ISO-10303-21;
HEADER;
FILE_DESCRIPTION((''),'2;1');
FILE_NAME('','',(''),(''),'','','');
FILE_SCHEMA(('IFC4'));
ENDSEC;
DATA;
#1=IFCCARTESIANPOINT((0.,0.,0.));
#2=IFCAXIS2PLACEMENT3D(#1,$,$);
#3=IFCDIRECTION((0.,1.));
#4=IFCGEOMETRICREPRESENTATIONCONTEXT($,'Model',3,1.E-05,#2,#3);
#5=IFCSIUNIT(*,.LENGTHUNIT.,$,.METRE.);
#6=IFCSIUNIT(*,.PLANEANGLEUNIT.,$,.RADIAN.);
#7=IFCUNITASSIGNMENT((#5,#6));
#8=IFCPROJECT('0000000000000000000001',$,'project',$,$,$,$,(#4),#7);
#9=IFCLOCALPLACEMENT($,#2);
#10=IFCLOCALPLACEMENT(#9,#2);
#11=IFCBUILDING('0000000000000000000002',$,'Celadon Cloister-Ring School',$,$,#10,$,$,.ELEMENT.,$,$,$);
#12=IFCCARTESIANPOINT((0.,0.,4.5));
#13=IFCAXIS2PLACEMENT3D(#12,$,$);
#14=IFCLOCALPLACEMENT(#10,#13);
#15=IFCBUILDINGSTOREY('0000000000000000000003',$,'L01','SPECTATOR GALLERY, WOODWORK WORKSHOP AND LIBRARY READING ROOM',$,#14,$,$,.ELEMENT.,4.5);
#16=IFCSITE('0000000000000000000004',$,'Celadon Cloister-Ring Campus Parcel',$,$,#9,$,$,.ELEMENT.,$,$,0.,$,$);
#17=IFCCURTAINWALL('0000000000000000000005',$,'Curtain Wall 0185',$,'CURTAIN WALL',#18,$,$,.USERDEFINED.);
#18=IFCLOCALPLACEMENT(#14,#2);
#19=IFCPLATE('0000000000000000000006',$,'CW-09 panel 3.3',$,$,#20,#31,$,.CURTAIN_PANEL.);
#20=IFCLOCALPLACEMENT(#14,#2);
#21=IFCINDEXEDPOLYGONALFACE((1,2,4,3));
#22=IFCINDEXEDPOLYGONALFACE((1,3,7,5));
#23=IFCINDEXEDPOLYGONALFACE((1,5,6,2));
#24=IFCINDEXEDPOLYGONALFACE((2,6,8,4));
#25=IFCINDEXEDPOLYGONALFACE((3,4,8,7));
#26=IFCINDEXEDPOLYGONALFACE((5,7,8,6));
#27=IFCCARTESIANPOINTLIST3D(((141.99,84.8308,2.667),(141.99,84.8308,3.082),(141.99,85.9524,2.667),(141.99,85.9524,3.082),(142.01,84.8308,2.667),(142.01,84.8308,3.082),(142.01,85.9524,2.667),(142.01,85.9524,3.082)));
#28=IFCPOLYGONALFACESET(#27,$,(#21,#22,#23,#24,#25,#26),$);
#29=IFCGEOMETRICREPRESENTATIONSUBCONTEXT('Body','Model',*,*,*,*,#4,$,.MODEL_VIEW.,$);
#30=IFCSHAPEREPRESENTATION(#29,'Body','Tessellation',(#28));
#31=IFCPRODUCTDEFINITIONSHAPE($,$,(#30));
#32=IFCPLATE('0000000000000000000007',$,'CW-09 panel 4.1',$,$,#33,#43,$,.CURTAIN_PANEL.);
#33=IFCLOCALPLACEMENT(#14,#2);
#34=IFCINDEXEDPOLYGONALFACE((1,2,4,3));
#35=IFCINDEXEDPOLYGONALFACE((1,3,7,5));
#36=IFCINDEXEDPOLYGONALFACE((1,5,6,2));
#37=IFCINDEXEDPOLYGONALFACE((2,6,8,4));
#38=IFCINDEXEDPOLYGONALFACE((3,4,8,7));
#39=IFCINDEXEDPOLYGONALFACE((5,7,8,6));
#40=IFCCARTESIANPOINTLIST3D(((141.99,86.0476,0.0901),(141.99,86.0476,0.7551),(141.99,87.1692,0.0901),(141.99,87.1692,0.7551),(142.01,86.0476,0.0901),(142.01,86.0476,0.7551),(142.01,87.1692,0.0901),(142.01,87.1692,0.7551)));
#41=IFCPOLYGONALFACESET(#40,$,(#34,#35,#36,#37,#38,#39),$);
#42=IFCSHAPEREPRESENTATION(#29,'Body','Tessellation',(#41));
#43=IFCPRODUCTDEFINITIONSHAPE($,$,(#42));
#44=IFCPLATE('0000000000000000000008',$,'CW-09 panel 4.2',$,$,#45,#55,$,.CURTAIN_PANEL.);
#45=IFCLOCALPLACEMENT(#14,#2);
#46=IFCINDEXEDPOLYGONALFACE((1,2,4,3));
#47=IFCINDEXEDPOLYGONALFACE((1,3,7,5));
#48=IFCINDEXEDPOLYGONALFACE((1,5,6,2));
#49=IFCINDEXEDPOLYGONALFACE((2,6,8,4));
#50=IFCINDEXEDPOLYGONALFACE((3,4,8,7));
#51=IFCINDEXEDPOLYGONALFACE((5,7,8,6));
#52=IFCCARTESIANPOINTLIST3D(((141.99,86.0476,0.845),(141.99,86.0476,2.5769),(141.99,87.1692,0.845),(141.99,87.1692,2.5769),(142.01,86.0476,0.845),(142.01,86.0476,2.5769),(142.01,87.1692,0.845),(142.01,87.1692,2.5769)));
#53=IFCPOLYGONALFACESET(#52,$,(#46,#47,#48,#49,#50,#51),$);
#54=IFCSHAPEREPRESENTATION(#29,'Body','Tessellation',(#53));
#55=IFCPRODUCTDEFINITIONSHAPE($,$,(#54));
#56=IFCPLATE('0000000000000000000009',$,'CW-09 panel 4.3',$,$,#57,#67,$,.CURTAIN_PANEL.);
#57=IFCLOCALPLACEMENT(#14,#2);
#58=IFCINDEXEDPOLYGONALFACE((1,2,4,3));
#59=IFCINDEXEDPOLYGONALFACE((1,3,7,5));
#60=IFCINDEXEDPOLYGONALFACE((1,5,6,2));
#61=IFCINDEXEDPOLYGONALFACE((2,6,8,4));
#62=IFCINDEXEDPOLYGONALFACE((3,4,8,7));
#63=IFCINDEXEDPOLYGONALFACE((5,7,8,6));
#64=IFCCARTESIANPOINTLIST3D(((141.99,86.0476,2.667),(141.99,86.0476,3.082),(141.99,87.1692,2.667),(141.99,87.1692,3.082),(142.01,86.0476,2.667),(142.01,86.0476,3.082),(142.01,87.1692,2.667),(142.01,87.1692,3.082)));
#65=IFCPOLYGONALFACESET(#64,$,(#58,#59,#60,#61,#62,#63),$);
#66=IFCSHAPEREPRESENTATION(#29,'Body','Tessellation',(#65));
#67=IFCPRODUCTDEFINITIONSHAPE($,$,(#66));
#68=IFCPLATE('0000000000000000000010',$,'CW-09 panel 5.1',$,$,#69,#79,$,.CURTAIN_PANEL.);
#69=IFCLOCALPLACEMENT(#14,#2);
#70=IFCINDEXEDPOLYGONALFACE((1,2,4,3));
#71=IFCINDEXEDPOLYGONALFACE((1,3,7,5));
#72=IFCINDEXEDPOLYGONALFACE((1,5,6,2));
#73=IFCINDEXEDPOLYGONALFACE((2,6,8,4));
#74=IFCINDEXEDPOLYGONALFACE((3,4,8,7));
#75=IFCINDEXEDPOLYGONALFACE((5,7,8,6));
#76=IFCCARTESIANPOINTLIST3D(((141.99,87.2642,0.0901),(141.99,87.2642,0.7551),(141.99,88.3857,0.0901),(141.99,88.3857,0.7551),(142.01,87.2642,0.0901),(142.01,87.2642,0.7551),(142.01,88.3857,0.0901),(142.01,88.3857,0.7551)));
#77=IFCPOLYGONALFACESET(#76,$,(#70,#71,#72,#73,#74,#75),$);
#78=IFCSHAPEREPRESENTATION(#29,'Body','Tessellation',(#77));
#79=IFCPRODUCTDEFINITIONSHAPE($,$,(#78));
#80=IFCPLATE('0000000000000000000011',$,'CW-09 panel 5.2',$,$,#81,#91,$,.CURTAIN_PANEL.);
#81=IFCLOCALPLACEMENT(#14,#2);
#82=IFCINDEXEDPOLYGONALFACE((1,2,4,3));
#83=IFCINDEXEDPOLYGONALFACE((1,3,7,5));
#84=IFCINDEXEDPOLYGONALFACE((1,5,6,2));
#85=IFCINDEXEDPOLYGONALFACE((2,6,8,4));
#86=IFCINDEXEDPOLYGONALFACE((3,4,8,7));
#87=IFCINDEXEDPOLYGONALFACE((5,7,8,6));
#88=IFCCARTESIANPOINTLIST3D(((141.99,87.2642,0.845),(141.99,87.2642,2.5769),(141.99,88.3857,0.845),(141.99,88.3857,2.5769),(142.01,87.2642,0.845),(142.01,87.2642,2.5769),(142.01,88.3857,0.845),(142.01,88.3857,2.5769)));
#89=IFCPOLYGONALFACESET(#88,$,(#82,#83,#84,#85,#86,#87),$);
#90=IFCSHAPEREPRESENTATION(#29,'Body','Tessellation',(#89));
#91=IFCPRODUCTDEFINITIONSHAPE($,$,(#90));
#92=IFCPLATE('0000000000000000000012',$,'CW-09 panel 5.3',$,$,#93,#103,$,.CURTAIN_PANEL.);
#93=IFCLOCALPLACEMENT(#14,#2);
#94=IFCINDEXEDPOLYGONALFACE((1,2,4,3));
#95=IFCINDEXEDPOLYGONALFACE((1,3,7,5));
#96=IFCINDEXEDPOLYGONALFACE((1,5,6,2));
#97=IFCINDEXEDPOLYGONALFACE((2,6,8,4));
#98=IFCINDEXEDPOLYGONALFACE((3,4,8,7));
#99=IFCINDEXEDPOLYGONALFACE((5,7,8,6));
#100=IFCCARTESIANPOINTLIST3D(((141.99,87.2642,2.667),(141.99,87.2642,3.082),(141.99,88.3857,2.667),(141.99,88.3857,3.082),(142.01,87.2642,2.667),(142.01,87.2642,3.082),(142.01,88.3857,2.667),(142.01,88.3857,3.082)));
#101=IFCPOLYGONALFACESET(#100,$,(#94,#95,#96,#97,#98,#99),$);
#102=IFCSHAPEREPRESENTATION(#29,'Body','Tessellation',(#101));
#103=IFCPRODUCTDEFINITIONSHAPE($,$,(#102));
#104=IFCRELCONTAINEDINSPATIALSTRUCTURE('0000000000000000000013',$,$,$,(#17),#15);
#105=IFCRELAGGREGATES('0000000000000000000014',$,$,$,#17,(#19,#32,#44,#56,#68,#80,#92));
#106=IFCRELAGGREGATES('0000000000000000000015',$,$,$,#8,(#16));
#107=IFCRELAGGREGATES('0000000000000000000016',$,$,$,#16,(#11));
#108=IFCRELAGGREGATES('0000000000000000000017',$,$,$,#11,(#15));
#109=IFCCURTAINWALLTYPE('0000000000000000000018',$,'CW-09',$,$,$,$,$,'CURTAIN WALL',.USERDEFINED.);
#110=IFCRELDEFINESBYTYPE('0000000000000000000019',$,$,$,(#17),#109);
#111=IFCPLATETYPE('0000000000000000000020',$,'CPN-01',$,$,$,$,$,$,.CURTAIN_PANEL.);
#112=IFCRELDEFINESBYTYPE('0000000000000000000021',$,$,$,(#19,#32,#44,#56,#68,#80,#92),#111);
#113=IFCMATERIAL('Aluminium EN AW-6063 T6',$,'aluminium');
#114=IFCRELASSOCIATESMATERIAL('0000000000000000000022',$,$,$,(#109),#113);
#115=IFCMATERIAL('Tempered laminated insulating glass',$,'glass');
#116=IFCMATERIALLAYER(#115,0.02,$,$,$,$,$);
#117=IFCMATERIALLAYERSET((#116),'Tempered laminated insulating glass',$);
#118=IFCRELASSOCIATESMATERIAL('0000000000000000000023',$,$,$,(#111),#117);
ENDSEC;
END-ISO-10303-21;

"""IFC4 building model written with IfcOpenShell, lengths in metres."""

from ifc_helpers import new_model, si_unit, direction, frame, origin, origin_2d, place, context, subcontext, project, spatial, rectangle, extrude, material, layer, layer_set, type_object, element, aggregate, save


model = new_model("IFC4")

# Units and contexts
model_context = context("Model", 3, precision=1e-05, world=origin(), true_north=direction((0.0, 1.0)))
body_context = subcontext(model_context, "Body", "Model", "MODEL_VIEW")
ifc_project = project(units=[si_unit("LENGTHUNIT", "METRE"), si_unit("PLANEANGLEUNIT", "RADIAN")], contexts=[model_context])

# Site, building, storey
site_placement = place(None, origin())
site = spatial("IfcSite", under=ifc_project, at=site_placement, Name="Celadon Cloister-Ring Campus Parcel", CompositionType="ELEMENT", RefElevation=0.0)
building_placement = place(site_placement, origin())
building = spatial("IfcBuilding", under=site, at=building_placement, Name="Celadon Cloister-Ring School", CompositionType="ELEMENT")
storey_placement = place(building_placement, frame((0.0, 0.0, 4.5)))
storey = spatial("IfcBuildingStorey", under=building, at=storey_placement, Name="L01", Description="SPECTATOR GALLERY, WOODWORK WORKSHOP AND LIBRARY READING ROOM", CompositionType="ELEMENT", Elevation=4.5)

# Curtain wall, plates
ifc_material_1 = material(Name="Aluminium EN AW-6063 T6", Category="aluminium")
curtain_wall_type = type_object("IfcCurtainWallType", Name="CW-09", ElementType="CURTAIN WALL", PredefinedType="USERDEFINED", material=ifc_material_1)
curtain_wall_placement = place(storey_placement, origin())
curtain_wall = element("IfcCurtainWall", 1, at=curtain_wall_placement, inside=storey, type_object=curtain_wall_type, Name="Curtain Wall 0185", ObjectType="CURTAIN WALL", PredefinedType="USERDEFINED")
ifc_material_2 = material(Name="Tempered laminated insulating glass", Category="glass")
ifc_layer = layer(ifc_material_2, 0.02)
ifc_layer_set = layer_set([ifc_layer], Name="Tempered laminated insulating glass")
plate_type = type_object("IfcPlateType", Name="CPN-01", PredefinedType="CURTAIN_PANEL", material=ifc_layer_set)
plate_1_placement = place(storey_placement, frame((142.0, 85.3916, 2.667), z_axis=(0.0, 0.0, 1.0), x_axis=(0.0, 1.0, 0.0)))
plate_1 = element("IfcPlate", 2, at=plate_1_placement, type_object=plate_type, Name="CW-09 panel 3.3", PredefinedType="CURTAIN_PANEL", context=body_context, shape_type="SweptSolid", body=[
    extrude(rectangle(XDim=1.1216, YDim=0.02, at=origin_2d()), origin(), (0.0, 0.0, 1.0), 0.415),
])
plate_2_placement = place(storey_placement, frame((142.0, 86.6084, 0.0901), z_axis=(0.0, 0.0, 1.0), x_axis=(0.0, 1.0, 0.0)))
plate_2 = element("IfcPlate", 3, at=plate_2_placement, type_object=plate_type, Name="CW-09 panel 4.1", PredefinedType="CURTAIN_PANEL", context=body_context, shape_type="SweptSolid", body=[
    extrude(rectangle(XDim=1.1216, YDim=0.02, at=origin_2d()), origin(), (0.0, 0.0, 1.0), 0.665),
])
plate_3_placement = place(storey_placement, frame((142.0, 86.6084, 0.845), z_axis=(0.0, 0.0, 1.0), x_axis=(0.0, 1.0, 0.0)))
plate_3 = element("IfcPlate", 4, at=plate_3_placement, type_object=plate_type, Name="CW-09 panel 4.2", PredefinedType="CURTAIN_PANEL", context=body_context, shape_type="SweptSolid", body=[
    extrude(rectangle(XDim=1.1216, YDim=0.02, at=origin_2d()), origin(), (0.0, 0.0, 1.0), 1.7319),
])
plate_4_placement = place(storey_placement, frame((142.0, 86.6084, 2.667), z_axis=(0.0, 0.0, 1.0), x_axis=(0.0, 1.0, 0.0)))
plate_4 = element("IfcPlate", 5, at=plate_4_placement, type_object=plate_type, Name="CW-09 panel 4.3", PredefinedType="CURTAIN_PANEL", context=body_context, shape_type="SweptSolid", body=[
    extrude(rectangle(XDim=1.1216, YDim=0.02, at=origin_2d()), origin(), (0.0, 0.0, 1.0), 0.415),
])
plate_5_placement = place(storey_placement, frame((142.0, 87.825, 0.0901), z_axis=(0.0, 0.0, 1.0), x_axis=(0.0, 1.0, 0.0)))
plate_5 = element("IfcPlate", 6, at=plate_5_placement, type_object=plate_type, Name="CW-09 panel 5.1", PredefinedType="CURTAIN_PANEL", context=body_context, shape_type="SweptSolid", body=[
    extrude(rectangle(XDim=1.1216, YDim=0.02, at=origin_2d()), origin(), (0.0, 0.0, 1.0), 0.665),
])
plate_6_placement = place(storey_placement, frame((142.0, 87.825, 0.845), z_axis=(0.0, 0.0, 1.0), x_axis=(0.0, 1.0, 0.0)))
plate_6 = element("IfcPlate", 7, at=plate_6_placement, type_object=plate_type, Name="CW-09 panel 5.2", PredefinedType="CURTAIN_PANEL", context=body_context, shape_type="SweptSolid", body=[
    extrude(rectangle(XDim=1.1216, YDim=0.02, at=origin_2d()), origin(), (0.0, 0.0, 1.0), 1.7319),
])
plate_7_placement = place(storey_placement, frame((142.0, 87.825, 2.667), z_axis=(0.0, 0.0, 1.0), x_axis=(0.0, 1.0, 0.0)))
plate_7 = element("IfcPlate", 8, at=plate_7_placement, type_object=plate_type, Name="CW-09 panel 5.3", PredefinedType="CURTAIN_PANEL", context=body_context, shape_type="SweptSolid", body=[
    extrude(rectangle(XDim=1.1216, YDim=0.02, at=origin_2d()), origin(), (0.0, 0.0, 1.0), 0.415),
])
aggregate(curtain_wall, [plate_1, plate_2, plate_3, plate_4, plate_5, plate_6, plate_7])

save(model, "model.ifc")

◆ ◆ ◆ ◆ ◆

(ASSIGNMENT): From the entries above, copy each line that holds "IFCRELDEFINESBYTYPE".

(ANSWER):
#110=IFCRELDEFINESBYTYPE('0000000000000000000019',$,$,$,(#17),#109);
#112=IFCRELDEFINESBYTYPE('0000000000000000000021',$,$,$,(#19,#32,#44,#56,#68,#80,#92),#111);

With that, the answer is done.